### Goal of the exercise
The span to repeat in the listing below runs from the line containing "#46=IFCINDEXEDPOLYGONALFACE((1,5,6,2));" to the line containing "#69=IFCINDEXEDPOLYGONALFACE((1,2,4,3));", inclusive. Repeat it exactly, and only it.

### Record excerpts
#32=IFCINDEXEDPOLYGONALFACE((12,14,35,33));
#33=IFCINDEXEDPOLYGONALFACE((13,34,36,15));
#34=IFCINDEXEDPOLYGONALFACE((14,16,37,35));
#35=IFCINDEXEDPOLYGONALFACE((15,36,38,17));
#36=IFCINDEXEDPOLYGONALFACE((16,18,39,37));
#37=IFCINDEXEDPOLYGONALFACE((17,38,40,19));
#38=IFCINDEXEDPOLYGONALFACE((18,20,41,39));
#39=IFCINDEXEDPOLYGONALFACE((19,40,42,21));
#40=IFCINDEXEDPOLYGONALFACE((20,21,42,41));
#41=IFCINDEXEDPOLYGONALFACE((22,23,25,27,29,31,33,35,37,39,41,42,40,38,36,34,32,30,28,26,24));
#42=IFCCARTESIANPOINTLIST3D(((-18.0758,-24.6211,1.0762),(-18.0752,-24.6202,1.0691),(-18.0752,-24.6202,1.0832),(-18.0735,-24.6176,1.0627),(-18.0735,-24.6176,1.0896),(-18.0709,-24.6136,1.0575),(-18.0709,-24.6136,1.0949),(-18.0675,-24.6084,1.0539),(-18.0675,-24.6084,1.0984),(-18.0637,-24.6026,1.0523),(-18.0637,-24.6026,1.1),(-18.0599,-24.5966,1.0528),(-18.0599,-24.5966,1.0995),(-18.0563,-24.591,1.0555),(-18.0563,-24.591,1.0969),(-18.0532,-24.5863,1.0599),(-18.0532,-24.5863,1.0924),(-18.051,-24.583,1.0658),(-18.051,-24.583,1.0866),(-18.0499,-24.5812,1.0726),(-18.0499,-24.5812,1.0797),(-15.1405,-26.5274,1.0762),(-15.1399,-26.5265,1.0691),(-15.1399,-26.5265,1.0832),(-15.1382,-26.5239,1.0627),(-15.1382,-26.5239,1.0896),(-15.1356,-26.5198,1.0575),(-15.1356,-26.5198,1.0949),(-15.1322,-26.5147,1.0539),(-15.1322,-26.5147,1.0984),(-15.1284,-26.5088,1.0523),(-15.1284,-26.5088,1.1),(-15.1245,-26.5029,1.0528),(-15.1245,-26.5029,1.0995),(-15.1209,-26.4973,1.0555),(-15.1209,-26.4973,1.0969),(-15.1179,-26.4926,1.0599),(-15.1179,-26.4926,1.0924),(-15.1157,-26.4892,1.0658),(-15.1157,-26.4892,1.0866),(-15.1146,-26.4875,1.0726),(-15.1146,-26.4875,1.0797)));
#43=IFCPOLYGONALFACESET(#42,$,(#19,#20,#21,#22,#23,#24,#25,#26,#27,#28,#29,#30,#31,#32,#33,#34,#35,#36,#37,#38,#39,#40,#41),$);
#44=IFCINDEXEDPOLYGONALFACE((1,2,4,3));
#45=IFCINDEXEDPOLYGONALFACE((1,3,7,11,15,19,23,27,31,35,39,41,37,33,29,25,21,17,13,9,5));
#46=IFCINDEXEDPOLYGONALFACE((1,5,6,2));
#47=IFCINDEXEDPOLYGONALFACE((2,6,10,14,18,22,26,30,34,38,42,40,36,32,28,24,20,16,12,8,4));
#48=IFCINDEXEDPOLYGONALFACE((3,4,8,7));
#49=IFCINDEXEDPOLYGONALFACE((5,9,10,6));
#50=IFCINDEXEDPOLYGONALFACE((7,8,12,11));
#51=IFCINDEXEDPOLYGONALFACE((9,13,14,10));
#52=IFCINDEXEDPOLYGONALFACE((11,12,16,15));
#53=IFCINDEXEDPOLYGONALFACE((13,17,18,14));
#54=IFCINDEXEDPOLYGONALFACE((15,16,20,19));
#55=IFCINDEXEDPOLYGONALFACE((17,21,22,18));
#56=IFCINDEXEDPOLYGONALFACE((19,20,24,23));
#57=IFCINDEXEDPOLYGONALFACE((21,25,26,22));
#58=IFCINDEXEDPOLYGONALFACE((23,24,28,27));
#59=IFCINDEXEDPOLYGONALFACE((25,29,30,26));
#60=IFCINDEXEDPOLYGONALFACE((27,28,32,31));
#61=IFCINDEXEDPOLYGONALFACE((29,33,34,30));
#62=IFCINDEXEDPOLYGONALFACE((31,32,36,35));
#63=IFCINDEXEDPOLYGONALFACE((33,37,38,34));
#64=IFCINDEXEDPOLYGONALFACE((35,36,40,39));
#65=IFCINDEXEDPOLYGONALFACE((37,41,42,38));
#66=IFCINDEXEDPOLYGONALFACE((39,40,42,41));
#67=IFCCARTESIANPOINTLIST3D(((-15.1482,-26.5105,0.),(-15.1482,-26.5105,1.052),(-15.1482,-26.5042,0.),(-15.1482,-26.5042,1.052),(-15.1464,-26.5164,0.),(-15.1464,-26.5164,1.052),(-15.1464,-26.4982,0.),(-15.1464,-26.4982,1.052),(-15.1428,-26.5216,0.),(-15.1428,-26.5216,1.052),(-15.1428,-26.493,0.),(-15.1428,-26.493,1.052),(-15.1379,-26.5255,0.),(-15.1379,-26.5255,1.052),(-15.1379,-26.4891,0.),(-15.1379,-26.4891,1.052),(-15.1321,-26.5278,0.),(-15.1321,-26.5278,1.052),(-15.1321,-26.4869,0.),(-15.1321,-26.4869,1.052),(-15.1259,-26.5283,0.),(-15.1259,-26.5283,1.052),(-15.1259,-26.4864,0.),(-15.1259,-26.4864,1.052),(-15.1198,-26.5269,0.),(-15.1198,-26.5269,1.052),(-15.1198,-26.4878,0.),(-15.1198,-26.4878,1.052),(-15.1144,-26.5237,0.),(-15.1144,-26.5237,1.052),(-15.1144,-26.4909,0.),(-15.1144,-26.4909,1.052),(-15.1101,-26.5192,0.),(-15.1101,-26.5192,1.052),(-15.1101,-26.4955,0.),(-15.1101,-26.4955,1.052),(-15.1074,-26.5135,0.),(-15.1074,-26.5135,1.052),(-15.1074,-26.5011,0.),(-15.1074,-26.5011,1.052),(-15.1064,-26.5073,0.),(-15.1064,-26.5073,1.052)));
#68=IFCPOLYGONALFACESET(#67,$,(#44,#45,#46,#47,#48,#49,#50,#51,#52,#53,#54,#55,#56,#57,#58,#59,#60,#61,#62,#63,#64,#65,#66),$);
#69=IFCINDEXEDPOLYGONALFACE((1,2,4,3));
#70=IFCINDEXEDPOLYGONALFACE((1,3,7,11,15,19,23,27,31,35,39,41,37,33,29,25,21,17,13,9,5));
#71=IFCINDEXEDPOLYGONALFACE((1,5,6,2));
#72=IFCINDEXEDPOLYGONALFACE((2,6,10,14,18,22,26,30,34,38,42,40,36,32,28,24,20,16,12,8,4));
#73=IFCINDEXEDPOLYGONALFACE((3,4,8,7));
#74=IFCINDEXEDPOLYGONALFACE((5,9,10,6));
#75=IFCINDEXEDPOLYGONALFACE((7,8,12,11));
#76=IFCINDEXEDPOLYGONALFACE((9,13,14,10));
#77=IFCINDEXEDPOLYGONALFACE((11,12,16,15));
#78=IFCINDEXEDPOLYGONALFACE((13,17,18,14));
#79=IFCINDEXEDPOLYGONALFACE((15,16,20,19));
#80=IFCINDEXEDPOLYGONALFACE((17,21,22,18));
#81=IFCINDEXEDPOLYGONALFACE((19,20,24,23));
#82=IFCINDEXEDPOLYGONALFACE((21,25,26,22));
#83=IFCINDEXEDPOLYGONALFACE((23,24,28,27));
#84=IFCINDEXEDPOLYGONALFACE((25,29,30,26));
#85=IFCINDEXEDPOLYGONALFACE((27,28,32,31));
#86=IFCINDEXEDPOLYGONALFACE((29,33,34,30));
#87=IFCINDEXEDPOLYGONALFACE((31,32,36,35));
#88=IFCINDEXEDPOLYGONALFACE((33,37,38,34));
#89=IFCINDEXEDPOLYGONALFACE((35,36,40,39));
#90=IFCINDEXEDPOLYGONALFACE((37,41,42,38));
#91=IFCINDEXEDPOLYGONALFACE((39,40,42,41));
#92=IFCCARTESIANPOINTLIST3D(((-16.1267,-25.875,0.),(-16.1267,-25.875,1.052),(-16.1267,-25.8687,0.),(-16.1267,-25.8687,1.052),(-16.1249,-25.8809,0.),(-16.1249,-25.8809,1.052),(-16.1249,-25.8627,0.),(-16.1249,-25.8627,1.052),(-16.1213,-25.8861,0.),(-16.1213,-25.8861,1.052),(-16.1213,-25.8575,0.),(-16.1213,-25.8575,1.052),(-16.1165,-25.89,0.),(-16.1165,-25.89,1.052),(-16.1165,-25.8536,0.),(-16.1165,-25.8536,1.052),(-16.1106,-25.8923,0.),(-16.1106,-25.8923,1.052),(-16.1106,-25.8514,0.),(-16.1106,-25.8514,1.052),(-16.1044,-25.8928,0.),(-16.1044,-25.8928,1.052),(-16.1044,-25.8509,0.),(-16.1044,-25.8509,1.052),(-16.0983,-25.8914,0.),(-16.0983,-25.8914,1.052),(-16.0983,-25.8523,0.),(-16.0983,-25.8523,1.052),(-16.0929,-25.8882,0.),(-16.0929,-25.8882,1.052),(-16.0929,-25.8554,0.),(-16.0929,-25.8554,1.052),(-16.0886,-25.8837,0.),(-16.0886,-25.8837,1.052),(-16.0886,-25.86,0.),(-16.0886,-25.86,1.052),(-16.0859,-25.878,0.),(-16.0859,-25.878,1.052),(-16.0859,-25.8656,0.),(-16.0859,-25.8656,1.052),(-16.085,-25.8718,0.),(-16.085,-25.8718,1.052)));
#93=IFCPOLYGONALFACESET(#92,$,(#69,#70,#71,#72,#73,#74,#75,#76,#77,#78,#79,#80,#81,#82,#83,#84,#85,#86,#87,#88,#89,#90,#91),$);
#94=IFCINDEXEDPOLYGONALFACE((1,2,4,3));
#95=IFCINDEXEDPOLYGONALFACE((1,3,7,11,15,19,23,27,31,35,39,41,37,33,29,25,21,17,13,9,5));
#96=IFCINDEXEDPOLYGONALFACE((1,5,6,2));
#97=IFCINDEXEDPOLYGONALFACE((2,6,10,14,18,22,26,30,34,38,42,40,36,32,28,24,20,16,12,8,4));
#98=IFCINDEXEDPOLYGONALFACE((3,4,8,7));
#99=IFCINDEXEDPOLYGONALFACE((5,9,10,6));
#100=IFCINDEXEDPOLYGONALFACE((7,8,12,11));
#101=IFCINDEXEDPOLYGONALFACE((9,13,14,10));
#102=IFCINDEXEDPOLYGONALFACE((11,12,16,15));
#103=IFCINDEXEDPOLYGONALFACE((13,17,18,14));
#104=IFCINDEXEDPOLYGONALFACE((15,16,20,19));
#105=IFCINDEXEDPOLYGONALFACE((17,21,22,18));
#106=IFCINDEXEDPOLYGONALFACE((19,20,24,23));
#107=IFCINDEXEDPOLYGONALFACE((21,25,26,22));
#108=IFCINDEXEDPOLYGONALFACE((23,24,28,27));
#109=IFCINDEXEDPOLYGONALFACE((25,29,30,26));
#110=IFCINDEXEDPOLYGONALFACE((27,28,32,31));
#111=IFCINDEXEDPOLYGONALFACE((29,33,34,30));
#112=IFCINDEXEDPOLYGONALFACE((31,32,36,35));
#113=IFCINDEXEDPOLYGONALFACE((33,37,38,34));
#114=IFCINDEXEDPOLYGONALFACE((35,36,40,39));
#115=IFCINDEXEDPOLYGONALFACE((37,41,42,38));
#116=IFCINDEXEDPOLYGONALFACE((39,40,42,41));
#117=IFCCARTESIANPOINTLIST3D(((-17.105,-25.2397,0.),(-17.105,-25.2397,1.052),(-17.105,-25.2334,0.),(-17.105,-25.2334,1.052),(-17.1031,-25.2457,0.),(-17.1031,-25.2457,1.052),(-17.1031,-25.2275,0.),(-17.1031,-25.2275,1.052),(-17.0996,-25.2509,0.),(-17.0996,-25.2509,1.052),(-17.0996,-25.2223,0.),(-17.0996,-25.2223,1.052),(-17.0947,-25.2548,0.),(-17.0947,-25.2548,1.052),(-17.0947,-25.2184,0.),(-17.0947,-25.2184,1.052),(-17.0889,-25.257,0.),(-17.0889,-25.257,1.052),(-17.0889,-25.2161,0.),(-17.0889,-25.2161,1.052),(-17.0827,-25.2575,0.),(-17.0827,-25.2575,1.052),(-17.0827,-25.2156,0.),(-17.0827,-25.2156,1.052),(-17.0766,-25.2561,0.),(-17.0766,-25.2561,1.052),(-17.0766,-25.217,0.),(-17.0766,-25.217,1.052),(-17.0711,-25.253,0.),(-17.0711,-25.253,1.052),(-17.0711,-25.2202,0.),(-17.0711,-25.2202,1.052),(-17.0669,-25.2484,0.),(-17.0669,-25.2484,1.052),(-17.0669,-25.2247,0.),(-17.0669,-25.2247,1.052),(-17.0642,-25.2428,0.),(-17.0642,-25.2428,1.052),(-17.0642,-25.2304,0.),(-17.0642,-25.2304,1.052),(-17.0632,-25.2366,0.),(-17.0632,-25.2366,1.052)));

### Output
#46=IFCINDEXEDPOLYGONALFACE((1,5,6,2));
#47=IFCINDEXEDPOLYGONALFACE((2,6,10,14,18,22,26,30,34,38,42,40,36,32,28,24,20,16,12,8,4));
#48=IFCINDEXEDPOLYGONALFACE((3,4,8,7));
#49=IFCINDEXEDPOLYGONALFACE((5,9,10,6));
#50=IFCINDEXEDPOLYGONALFACE((7,8,12,11));
#51=IFCINDEXEDPOLYGONALFACE((9,13,14,10));
#52=IFCINDEXEDPOLYGONALFACE((11,12,16,15));
#53=IFCINDEXEDPOLYGONALFACE((13,17,18,14));
#54=IFCINDEXEDPOLYGONALFACE((15,16,20,19));
#55=IFCINDEXEDPOLYGONALFACE((17,21,22,18));
#56=IFCINDEXEDPOLYGONALFACE((19,20,24,23));
#57=IFCINDEXEDPOLYGONALFACE((21,25,26,22));
#58=IFCINDEXEDPOLYGONALFACE((23,24,28,27));
#59=IFCINDEXEDPOLYGONALFACE((25,29,30,26));
#60=IFCINDEXEDPOLYGONALFACE((27,28,32,31));
#61=IFCINDEXEDPOLYGONALFACE((29,33,34,30));
#62=IFCINDEXEDPOLYGONALFACE((31,32,36,35));
#63=IFCINDEXEDPOLYGONALFACE((33,37,38,34));
#64=IFCINDEXEDPOLYGONALFACE((35,36,40,39));
#65=IFCINDEXEDPOLYGONALFACE((37,41,42,38));
#66=IFCINDEXEDPOLYGONALFACE((39,40,42,41));
#67=IFCCARTESIANPOINTLIST3D(((-15.1482,-26.5105,0.),(-15.1482,-26.5105,1.052),(-15.1482,-26.5042,0.),(-15.1482,-26.5042,1.052),(-15.1464,-26.5164,0.),(-15.1464,-26.5164,1.052),(-15.1464,-26.4982,0.),(-15.1464,-26.4982,1.052),(-15.1428,-26.5216,0.),(-15.1428,-26.5216,1.052),(-15.1428,-26.493,0.),(-15.1428,-26.493,1.052),(-15.1379,-26.5255,0.),(-15.1379,-26.5255,1.052),(-15.1379,-26.4891,0.),(-15.1379,-26.4891,1.052),(-15.1321,-26.5278,0.),(-15.1321,-26.5278,1.052),(-15.1321,-26.4869,0.),(-15.1321,-26.4869,1.052),(-15.1259,-26.5283,0.),(-15.1259,-26.5283,1.052),(-15.1259,-26.4864,0.),(-15.1259,-26.4864,1.052),(-15.1198,-26.5269,0.),(-15.1198,-26.5269,1.052),(-15.1198,-26.4878,0.),(-15.1198,-26.4878,1.052),(-15.1144,-26.5237,0.),(-15.1144,-26.5237,1.052),(-15.1144,-26.4909,0.),(-15.1144,-26.4909,1.052),(-15.1101,-26.5192,0.),(-15.1101,-26.5192,1.052),(-15.1101,-26.4955,0.),(-15.1101,-26.4955,1.052),(-15.1074,-26.5135,0.),(-15.1074,-26.5135,1.052),(-15.1074,-26.5011,0.),(-15.1074,-26.5011,1.052),(-15.1064,-26.5073,0.),(-15.1064,-26.5073,1.052)));
#68=IFCPOLYGONALFACESET(#67,$,(#44,#45,#46,#47,#48,#49,#50,#51,#52,#53,#54,#55,#56,#57,#58,#59,#60,#61,#62,#63,#64,#65,#66),$);
#69=IFCINDEXEDPOLYGONALFACE((1,2,4,3));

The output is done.